Stored dataset items

════════════════

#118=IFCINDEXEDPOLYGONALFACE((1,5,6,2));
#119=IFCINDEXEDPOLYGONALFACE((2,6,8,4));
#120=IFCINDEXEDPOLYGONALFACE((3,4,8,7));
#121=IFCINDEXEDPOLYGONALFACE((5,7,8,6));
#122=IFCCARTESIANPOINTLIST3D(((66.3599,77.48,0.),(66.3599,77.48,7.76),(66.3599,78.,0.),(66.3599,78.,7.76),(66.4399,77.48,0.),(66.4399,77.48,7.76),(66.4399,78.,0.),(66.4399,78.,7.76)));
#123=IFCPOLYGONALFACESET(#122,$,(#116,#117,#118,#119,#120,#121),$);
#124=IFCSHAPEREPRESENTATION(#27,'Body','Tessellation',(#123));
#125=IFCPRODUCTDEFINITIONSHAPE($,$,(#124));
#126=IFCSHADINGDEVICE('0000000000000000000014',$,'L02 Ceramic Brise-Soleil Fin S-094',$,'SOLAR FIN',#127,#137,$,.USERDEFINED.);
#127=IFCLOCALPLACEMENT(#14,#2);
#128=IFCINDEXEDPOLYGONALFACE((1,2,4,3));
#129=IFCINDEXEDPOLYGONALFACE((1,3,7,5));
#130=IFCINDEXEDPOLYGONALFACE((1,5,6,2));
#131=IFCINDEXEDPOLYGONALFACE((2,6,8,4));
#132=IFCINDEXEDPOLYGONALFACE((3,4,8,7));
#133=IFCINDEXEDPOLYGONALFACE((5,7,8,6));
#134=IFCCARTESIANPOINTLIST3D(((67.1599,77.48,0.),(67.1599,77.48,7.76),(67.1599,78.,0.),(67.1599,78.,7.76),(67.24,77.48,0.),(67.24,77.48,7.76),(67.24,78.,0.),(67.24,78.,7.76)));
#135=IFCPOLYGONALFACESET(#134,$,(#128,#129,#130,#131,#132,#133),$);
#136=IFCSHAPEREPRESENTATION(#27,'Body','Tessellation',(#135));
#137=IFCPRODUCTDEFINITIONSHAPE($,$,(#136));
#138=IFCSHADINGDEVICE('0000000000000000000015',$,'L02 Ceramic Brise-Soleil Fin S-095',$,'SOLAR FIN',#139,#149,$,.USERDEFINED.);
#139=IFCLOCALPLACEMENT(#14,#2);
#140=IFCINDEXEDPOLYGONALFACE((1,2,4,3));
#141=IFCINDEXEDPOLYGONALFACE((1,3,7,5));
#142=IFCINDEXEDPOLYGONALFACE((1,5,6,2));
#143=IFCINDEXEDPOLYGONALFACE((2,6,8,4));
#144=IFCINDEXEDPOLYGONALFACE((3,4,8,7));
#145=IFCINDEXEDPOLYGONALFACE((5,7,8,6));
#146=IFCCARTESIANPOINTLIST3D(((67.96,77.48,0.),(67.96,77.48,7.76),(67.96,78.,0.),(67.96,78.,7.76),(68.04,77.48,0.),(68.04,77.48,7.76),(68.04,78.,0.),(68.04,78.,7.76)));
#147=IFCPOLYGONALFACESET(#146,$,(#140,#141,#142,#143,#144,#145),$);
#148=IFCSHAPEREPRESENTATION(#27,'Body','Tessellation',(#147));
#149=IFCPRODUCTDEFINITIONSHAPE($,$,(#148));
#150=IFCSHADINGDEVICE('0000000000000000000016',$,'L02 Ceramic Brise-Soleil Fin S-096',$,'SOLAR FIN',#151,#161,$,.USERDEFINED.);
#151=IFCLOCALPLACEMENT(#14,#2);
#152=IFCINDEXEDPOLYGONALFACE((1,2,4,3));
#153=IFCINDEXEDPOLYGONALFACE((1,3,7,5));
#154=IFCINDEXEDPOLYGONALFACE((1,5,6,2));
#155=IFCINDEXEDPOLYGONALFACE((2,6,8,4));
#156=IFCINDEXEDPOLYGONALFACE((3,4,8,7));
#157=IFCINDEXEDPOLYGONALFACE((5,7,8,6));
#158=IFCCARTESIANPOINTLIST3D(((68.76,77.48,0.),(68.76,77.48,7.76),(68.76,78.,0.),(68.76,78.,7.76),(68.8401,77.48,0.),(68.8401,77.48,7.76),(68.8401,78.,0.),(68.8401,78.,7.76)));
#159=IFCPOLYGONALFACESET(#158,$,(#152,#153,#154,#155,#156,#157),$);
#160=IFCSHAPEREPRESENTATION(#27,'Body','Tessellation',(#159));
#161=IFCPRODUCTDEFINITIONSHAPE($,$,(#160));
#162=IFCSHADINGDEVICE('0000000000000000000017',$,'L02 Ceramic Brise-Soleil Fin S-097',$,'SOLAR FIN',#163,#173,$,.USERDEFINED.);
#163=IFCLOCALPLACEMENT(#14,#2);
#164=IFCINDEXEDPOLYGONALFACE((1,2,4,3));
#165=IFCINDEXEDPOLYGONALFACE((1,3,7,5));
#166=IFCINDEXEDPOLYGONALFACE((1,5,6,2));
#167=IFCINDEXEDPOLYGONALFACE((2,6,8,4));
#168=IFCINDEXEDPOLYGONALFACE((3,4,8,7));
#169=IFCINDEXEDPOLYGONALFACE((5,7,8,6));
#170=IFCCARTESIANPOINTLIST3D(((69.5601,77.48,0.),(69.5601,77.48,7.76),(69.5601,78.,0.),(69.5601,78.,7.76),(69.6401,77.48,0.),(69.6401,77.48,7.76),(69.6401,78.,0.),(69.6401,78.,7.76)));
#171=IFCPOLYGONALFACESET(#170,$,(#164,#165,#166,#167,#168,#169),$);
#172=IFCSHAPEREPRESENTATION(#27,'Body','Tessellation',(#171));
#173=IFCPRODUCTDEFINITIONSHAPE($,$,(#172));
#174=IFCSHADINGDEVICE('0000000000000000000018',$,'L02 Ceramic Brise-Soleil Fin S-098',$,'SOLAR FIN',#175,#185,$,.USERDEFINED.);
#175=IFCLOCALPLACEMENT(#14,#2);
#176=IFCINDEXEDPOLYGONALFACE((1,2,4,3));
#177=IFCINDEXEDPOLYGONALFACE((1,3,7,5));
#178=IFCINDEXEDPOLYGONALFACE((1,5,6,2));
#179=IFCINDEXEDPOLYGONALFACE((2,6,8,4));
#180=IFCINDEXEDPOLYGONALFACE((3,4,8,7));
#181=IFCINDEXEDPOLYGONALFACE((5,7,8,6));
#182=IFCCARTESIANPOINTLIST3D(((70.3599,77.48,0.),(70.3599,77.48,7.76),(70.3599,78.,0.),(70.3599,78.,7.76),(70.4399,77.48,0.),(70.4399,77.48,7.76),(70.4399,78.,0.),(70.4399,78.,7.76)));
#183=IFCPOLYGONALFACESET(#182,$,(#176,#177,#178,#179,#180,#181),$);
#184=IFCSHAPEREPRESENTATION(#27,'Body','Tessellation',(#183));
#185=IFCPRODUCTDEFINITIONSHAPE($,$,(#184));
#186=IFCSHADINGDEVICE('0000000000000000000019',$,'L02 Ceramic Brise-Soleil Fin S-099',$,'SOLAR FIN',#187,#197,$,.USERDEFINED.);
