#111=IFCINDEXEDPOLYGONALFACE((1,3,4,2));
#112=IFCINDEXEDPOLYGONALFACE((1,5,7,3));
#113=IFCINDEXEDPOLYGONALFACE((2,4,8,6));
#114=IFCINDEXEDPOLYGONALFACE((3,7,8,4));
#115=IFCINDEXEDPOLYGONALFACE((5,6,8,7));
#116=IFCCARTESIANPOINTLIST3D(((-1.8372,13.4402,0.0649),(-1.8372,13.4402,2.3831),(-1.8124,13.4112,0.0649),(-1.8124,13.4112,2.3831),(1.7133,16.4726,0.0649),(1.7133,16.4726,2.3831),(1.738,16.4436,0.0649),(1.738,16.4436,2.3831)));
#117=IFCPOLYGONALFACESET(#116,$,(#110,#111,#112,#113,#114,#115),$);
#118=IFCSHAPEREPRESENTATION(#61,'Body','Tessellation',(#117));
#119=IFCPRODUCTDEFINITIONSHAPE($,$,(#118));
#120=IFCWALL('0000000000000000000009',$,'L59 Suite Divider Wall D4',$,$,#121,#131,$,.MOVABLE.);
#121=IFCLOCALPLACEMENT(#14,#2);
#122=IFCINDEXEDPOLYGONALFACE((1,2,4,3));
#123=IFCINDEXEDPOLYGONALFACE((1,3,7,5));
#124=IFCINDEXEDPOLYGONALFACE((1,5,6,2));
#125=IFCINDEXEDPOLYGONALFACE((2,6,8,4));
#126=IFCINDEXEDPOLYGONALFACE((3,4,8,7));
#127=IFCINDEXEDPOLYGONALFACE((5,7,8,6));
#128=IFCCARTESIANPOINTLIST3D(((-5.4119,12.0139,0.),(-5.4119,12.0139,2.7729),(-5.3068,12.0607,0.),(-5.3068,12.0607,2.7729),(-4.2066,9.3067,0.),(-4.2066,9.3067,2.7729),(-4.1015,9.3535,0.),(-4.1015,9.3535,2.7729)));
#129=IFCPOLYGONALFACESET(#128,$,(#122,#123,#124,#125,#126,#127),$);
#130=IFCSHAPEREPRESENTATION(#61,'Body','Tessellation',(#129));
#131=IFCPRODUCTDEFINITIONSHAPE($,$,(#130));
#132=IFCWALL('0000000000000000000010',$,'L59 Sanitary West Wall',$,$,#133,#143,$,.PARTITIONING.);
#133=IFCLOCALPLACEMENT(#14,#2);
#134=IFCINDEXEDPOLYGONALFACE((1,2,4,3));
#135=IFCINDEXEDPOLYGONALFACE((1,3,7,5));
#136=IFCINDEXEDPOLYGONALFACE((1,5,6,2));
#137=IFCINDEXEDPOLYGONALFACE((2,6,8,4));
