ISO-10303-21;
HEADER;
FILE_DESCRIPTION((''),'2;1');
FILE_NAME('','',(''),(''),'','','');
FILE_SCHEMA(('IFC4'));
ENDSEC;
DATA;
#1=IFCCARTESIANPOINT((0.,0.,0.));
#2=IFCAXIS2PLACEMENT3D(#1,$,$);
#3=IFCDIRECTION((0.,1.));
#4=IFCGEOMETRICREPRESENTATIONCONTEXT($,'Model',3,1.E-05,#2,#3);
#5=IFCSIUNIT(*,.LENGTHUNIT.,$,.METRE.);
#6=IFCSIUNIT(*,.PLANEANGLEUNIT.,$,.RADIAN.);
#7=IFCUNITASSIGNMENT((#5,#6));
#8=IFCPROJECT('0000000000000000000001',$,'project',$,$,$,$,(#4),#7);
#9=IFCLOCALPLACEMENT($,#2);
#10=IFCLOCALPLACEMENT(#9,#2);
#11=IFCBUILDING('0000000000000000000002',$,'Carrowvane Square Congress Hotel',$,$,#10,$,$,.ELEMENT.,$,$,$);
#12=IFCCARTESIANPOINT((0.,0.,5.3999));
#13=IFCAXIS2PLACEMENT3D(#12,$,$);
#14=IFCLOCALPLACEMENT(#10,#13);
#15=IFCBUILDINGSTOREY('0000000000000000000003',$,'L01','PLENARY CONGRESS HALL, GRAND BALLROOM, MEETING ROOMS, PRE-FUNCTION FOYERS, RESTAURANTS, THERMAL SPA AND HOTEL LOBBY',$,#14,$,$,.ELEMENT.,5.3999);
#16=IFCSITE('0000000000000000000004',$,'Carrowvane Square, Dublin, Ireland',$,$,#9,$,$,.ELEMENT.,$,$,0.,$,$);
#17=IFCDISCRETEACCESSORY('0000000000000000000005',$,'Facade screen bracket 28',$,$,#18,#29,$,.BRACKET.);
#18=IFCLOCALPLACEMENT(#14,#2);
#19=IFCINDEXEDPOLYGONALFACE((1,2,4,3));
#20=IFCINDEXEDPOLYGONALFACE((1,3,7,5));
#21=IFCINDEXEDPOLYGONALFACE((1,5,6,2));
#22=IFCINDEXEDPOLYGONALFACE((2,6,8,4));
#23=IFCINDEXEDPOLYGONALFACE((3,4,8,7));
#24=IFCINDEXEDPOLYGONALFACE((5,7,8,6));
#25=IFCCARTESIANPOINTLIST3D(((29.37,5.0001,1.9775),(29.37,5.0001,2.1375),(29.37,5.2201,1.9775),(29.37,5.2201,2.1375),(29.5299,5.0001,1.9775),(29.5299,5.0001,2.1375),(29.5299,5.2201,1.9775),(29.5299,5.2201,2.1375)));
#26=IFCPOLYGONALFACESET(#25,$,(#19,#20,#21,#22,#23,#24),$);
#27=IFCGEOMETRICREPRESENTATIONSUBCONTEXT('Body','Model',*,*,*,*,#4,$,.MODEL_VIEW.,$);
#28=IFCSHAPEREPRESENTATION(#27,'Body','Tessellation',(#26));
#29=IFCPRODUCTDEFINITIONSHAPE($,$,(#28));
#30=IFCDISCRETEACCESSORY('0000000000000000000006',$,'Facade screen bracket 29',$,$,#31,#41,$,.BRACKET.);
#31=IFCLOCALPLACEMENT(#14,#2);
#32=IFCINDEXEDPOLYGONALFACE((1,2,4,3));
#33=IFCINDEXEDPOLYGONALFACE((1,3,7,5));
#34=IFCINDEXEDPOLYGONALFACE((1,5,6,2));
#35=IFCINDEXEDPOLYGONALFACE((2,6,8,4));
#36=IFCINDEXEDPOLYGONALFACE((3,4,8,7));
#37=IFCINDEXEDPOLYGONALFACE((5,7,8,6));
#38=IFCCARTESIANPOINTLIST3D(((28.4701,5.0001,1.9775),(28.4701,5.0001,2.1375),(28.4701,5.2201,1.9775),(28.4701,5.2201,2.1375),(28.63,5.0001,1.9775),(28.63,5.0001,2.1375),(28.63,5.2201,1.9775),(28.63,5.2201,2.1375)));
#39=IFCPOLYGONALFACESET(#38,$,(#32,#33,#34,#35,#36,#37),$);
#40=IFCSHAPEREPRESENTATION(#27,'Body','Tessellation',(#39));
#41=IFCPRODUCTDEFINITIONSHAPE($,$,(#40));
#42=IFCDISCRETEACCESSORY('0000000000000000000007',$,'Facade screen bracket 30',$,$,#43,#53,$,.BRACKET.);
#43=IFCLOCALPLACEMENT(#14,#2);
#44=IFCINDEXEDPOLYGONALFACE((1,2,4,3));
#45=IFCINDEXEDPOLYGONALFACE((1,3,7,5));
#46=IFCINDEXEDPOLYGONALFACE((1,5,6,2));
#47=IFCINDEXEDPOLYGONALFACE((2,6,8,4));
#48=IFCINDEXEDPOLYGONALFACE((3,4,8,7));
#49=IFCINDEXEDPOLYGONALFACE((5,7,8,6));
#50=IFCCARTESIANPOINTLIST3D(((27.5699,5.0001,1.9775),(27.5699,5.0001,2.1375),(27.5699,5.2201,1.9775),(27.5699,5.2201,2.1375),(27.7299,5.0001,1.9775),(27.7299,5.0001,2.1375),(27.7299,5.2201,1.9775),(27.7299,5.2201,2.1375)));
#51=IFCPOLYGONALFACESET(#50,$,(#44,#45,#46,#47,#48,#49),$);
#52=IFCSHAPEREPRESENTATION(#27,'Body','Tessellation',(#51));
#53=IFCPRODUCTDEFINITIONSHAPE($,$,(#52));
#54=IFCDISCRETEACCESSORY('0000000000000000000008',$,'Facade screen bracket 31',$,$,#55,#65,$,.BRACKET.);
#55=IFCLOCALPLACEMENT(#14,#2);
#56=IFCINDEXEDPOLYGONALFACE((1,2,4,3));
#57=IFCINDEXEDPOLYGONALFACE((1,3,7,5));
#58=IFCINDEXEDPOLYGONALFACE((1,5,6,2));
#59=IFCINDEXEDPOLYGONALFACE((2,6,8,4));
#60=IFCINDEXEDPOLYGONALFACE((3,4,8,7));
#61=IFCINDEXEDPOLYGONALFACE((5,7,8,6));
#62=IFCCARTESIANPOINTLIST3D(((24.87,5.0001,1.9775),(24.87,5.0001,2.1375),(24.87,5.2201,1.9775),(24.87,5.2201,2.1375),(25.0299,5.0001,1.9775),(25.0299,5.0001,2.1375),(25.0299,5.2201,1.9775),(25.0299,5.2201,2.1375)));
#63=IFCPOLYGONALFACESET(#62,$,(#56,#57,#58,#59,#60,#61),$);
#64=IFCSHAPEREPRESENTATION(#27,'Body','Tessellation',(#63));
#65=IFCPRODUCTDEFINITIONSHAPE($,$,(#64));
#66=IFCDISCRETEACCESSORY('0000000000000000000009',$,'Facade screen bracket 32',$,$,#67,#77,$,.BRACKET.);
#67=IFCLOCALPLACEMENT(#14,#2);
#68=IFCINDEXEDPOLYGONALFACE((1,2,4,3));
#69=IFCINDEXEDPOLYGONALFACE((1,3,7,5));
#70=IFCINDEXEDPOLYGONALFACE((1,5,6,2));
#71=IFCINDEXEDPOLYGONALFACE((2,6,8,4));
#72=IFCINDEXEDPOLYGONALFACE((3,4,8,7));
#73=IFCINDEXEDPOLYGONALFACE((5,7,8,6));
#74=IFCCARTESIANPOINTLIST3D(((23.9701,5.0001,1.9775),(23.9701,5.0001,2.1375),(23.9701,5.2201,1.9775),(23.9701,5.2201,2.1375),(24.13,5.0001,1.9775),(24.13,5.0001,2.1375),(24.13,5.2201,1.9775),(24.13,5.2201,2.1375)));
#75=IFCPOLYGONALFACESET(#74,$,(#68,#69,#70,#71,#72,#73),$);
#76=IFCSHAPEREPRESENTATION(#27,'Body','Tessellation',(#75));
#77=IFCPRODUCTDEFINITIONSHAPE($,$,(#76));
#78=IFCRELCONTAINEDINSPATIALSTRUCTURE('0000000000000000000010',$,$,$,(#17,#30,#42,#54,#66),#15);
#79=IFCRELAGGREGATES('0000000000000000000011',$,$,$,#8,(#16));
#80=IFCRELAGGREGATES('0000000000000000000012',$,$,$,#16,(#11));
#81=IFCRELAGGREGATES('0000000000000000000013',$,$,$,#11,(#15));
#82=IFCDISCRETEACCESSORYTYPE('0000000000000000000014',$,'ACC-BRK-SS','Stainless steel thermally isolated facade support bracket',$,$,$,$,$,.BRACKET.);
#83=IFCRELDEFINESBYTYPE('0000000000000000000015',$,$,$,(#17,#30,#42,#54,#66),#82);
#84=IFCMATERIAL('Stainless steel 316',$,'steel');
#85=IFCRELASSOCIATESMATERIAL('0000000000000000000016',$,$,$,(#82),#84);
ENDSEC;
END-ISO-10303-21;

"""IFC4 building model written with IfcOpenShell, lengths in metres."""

from ifc_helpers import new_model, si_unit, direction, frame, origin, origin_2d, place, context, subcontext, project, spatial, rectangle, extrude, material, type_object, element, save


model = new_model("IFC4")

# Units and contexts
model_context = context("Model", 3, precision=1e-05, world=origin(), true_north=direction((0.0, 1.0)))
body_context = subcontext(model_context, "Body", "Model", "MODEL_VIEW")
ifc_project = project(units=[si_unit("LENGTHUNIT", "METRE"), si_unit("PLANEANGLEUNIT", "RADIAN")], contexts=[model_context])

# Site, building, storey
site_placement = place(None, origin())
site = spatial("IfcSite", under=ifc_project, at=site_placement, Name="Carrowvane Square, Dublin, Ireland", CompositionType="ELEMENT", RefElevation=0.0)
building_placement = place(site_placement, origin())
building = spatial("IfcBuilding", under=site, at=building_placement, Name="Carrowvane Square Congress Hotel", CompositionType="ELEMENT")
storey_placement = place(building_placement, frame((0.0, 0.0, 5.3999)))
storey = spatial("IfcBuildingStorey", under=building, at=storey_placement, Name="L01", Description="PLENARY CONGRESS HALL, GRAND BALLROOM, MEETING ROOMS, PRE-FUNCTION FOYERS, RESTAURANTS, THERMAL SPA AND HOTEL LOBBY", CompositionType="ELEMENT", Elevation=5.3999)

# Discrete accessories
ifc_material_1 = material(Name="Stainless steel 316", Category="steel")
discrete_accessory_type = type_object("IfcDiscreteAccessoryType", Name="ACC-BRK-SS", Description="Stainless steel thermally isolated facade support bracket", PredefinedType="BRACKET", material=ifc_material_1)
for number, where, z_axis, x_axis, name in (
    (1, (29.45, 5.1101, 1.9775), (0.0, 0.0, 1.0), (-1.0, 0.0, 0.0), "Facade screen bracket 28"),
    (2, (28.55, 5.1101, 1.9775), (0.0, 0.0, 1.0), (-1.0, 0.0, 0.0), "Facade screen bracket 29"),
    (3, (27.6499, 5.1101, 1.9775), (0.0, 0.0, 1.0), (-1.0, 0.0, 0.0), "Facade screen bracket 30"),
    (4, (24.95, 5.1101, 1.9775), (0.0, 0.0, 1.0), (-1.0, 0.0, 0.0), "Facade screen bracket 31"),
    (5, (24.05, 5.1101, 1.9775), (0.0, 0.0, 1.0), (-1.0, 0.0, 0.0), "Facade screen bracket 32"),
):
    element("IfcDiscreteAccessory", number, at=place(storey_placement, frame(where, z_axis=z_axis, x_axis=x_axis)), inside=storey, type_object=discrete_accessory_type, Name=name, PredefinedType="BRACKET", context=body_context, shape_type="SweptSolid", body=[
        extrude(rectangle(XDim=0.1599, YDim=0.22, at=origin_2d()), origin(), (0.0, 0.0, 1.0), 0.1599),
    ])

save(model, "model.ifc")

════════════════

(Assignment)
Across the entries above, work out how many lines hold "Brise". The answer is that number alone.

(Solution)
6